:: PROBLEM DESCRIPTION ::
Tally the lines in the records below that contain "IFCRELAGGREGATES" and return only the result.

:: Stored dataset items ::
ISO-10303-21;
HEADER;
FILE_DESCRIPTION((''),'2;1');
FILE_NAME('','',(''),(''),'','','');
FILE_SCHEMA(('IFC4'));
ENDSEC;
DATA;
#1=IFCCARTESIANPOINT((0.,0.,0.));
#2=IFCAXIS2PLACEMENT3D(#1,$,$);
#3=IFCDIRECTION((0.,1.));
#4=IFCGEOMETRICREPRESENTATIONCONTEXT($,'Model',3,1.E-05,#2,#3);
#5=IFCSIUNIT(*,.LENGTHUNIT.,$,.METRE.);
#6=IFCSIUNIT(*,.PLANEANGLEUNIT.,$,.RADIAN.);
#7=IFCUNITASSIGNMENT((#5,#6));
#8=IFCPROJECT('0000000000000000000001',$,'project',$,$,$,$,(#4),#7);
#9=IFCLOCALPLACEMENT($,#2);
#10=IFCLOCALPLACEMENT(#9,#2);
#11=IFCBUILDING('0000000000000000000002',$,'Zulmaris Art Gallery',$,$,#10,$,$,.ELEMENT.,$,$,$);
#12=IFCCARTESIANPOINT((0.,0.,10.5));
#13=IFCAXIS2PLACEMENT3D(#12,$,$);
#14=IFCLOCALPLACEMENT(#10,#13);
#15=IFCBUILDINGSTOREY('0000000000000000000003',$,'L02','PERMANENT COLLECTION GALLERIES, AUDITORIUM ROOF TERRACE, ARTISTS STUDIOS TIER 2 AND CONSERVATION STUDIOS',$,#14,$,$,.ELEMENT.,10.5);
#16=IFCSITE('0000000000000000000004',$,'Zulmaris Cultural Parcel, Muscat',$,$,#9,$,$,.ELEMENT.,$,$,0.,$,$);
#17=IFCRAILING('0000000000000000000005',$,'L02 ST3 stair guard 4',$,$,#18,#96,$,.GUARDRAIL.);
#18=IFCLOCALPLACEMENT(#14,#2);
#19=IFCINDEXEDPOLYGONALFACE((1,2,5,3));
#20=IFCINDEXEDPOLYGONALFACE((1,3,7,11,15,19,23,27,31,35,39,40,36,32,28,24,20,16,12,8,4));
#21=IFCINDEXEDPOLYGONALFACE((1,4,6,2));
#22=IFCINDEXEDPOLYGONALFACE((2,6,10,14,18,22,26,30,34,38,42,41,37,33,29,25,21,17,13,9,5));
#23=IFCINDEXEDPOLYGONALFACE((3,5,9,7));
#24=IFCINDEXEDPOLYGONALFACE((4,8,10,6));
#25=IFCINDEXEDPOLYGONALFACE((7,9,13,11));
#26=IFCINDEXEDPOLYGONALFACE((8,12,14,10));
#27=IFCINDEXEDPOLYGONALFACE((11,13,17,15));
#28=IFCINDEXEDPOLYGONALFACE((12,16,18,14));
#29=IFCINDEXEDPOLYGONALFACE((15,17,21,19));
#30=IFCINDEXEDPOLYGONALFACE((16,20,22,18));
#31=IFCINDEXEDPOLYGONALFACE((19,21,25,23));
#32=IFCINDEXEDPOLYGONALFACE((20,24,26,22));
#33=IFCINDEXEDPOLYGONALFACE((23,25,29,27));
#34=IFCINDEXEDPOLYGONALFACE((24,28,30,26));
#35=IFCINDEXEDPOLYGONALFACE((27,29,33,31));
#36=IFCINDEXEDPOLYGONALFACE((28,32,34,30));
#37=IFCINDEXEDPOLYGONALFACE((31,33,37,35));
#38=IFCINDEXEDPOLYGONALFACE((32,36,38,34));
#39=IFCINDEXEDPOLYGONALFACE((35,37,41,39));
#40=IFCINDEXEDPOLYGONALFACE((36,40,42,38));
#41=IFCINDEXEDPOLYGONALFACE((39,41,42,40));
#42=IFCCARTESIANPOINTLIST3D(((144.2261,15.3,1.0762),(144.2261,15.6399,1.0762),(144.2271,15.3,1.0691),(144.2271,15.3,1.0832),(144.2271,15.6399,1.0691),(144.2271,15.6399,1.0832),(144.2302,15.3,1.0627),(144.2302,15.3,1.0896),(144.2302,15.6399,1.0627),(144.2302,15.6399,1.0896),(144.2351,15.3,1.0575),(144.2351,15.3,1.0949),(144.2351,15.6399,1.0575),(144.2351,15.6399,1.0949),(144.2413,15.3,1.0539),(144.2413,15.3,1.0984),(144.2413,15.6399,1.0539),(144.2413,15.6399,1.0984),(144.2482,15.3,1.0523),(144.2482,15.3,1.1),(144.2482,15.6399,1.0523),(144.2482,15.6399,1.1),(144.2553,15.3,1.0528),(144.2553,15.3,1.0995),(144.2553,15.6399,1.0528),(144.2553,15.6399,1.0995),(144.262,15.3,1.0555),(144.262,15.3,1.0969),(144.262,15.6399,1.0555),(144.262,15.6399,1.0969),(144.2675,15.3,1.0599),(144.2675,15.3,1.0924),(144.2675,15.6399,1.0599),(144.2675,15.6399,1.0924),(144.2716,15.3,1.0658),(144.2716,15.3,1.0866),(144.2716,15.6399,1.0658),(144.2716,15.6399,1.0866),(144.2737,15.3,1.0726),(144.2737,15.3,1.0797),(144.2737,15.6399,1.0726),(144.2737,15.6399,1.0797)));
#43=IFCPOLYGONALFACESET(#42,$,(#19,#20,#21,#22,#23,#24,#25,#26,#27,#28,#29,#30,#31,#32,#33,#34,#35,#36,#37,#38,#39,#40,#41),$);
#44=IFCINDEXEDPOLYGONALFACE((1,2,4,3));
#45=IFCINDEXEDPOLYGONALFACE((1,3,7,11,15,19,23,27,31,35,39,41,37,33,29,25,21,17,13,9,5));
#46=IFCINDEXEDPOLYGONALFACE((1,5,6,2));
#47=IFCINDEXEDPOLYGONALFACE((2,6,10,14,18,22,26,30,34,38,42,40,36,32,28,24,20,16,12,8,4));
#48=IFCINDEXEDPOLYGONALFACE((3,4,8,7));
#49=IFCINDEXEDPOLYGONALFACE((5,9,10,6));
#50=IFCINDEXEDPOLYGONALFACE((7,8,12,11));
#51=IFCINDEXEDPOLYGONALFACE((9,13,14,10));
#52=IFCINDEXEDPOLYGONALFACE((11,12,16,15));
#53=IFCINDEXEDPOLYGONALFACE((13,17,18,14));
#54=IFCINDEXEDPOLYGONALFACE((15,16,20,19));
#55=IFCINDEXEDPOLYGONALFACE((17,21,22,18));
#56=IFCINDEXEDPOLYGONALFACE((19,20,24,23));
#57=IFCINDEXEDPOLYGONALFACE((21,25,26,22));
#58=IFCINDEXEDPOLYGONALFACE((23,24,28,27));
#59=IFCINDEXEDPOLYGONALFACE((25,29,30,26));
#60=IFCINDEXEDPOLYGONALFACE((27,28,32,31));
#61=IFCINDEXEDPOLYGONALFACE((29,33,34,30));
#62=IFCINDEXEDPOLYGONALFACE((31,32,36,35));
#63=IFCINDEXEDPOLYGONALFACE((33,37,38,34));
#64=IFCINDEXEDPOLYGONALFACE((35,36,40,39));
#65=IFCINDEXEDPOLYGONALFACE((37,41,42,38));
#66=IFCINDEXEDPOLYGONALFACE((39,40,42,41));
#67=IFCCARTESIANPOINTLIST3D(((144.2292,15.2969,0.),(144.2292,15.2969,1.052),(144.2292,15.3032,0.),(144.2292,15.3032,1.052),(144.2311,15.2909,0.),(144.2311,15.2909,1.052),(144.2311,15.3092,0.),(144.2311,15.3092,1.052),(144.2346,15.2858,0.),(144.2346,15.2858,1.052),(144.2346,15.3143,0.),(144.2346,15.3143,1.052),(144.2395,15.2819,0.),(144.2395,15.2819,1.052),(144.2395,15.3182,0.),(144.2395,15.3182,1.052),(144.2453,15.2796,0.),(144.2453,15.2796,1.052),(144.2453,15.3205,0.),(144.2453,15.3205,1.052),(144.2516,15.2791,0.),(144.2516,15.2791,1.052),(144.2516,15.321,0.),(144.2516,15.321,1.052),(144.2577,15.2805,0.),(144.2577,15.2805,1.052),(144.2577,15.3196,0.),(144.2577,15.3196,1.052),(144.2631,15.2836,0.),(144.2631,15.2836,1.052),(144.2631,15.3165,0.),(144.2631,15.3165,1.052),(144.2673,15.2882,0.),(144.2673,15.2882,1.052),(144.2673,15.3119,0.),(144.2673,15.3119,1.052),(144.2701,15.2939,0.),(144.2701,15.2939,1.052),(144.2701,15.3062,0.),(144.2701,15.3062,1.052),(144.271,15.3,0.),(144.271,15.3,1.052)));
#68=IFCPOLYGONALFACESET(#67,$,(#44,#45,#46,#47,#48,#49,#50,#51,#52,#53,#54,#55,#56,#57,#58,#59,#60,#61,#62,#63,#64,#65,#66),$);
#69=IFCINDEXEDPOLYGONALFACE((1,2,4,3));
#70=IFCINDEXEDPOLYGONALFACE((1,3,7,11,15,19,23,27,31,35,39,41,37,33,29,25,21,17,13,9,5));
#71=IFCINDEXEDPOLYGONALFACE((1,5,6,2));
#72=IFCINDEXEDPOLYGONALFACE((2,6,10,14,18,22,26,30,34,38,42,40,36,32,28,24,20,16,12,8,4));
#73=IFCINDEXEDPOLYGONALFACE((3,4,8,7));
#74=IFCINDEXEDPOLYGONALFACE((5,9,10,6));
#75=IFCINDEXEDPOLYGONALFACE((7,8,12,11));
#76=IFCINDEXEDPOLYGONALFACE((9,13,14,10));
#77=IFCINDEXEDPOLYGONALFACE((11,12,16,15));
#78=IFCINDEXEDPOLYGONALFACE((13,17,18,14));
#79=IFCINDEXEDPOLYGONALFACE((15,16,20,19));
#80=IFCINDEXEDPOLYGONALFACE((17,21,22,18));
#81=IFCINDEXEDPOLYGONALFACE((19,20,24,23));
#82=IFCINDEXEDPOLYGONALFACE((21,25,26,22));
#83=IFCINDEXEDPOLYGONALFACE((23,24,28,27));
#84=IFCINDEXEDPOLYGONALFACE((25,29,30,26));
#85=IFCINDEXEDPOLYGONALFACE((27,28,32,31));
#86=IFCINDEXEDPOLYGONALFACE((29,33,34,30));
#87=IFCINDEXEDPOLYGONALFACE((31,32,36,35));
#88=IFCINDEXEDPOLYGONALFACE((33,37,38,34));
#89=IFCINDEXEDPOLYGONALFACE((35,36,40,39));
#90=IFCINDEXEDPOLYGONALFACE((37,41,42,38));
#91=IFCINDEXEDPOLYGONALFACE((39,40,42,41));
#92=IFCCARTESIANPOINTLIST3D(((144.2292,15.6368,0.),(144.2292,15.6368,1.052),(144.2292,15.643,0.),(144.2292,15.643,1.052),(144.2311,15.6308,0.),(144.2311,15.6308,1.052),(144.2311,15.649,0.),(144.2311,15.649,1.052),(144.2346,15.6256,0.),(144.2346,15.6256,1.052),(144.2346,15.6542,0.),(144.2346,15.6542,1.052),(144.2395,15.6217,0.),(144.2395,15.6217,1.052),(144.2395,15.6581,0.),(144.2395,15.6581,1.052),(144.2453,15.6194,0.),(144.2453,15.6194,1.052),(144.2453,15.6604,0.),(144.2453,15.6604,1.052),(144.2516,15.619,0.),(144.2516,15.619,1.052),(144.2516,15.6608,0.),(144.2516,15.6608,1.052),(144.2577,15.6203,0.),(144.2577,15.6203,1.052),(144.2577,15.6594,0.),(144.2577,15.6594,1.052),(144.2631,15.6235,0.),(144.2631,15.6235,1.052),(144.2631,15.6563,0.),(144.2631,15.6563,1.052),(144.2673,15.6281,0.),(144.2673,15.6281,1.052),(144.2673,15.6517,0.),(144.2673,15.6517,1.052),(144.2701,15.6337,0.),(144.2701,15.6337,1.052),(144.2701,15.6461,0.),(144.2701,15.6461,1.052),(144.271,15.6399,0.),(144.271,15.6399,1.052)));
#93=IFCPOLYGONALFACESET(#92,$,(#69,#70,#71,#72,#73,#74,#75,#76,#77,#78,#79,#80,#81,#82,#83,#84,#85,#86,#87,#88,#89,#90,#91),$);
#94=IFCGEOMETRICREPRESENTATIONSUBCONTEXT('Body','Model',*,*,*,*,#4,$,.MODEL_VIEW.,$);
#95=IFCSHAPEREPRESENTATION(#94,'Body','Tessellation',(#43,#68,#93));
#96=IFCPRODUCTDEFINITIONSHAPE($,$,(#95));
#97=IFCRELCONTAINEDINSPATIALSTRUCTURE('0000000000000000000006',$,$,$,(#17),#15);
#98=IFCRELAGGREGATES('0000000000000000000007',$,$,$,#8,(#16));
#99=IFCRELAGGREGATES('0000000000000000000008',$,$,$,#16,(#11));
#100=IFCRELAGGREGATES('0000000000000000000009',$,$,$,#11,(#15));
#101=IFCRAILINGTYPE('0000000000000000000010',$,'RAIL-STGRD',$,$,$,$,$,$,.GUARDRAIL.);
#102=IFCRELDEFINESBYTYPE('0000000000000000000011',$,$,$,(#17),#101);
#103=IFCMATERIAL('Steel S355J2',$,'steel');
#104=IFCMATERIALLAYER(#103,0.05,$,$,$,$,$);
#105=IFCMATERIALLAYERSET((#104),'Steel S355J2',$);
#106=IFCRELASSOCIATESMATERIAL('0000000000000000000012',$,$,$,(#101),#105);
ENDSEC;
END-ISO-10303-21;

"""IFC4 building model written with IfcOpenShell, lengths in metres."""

from ifc_helpers import new_model, si_unit, direction, frame, origin, origin_2d, place, context, subcontext, project, spatial, circle, extrude, material, layer, layer_set, type_object, element, save


model = new_model("IFC4")

# Units and contexts
model_context = context("Model", 3, precision=1e-05, world=origin(), true_north=direction((0.0, 1.0)))
body_context = subcontext(model_context, "Body", "Model", "MODEL_VIEW")
ifc_project = project(units=[si_unit("LENGTHUNIT", "METRE"), si_unit("PLANEANGLEUNIT", "RADIAN")], contexts=[model_context])

# Site, building, storey
site_placement = place(None, origin())
site = spatial("IfcSite", under=ifc_project, at=site_placement, Name="Zulmaris Cultural Parcel, Muscat", CompositionType="ELEMENT", RefElevation=0.0)
building_placement = place(site_placement, origin())
building = spatial("IfcBuilding", under=site, at=building_placement, Name="Zulmaris Art Gallery", CompositionType="ELEMENT")
storey_placement = place(building_placement, frame((0.0, 0.0, 10.5)))
storey = spatial("IfcBuildingStorey", under=building, at=storey_placement, Name="L02", Description="PERMANENT COLLECTION GALLERIES, AUDITORIUM ROOF TERRACE, ARTISTS STUDIOS TIER 2 AND CONSERVATION STUDIOS", CompositionType="ELEMENT", Elevation=10.5)

# Shared definitions
ifc_material_1 = material(Name="Steel S355J2", Category="steel")

# Railing
ifc_layer_1 = layer(ifc_material_1, 0.05)
ifc_layer_set_1 = layer_set([ifc_layer_1], Name="Steel S355J2")
railing_type_1 = type_object("IfcRailingType", Name="RAIL-STGRD", PredefinedType="GUARDRAIL", material=ifc_layer_set_1)
railing_1_placement = place(storey_placement, frame((144.25, 15.3, 0.0)))
element("IfcRailing", 1, at=railing_1_placement, inside=storey, type_object=railing_type_1, Name="L02 ST3 stair guard 4", PredefinedType="GUARDRAIL", context=body_context, shape_type="SweptSolid", body=[
    extrude(circle(Radius=0.0239, at=origin_2d()), frame((0.0, 0.0, 1.0762), z_axis=(0.0, 1.0, 0.0), x_axis=(-1.0, 0.0, 0.0)), (0.0, 0.0, 1.0), 0.3398),
    extrude(circle(Radius=0.021, at=origin_2d()), origin(), (0.0, 0.0, 1.0), 1.052),
    extrude(circle(Radius=0.021, at=origin_2d()), frame((0.0, 0.3398, 0.0)), (0.0, 0.0, 1.0), 1.052),
])

save(model, "model.ifc")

:: EXERCISE RESPONSE ::
3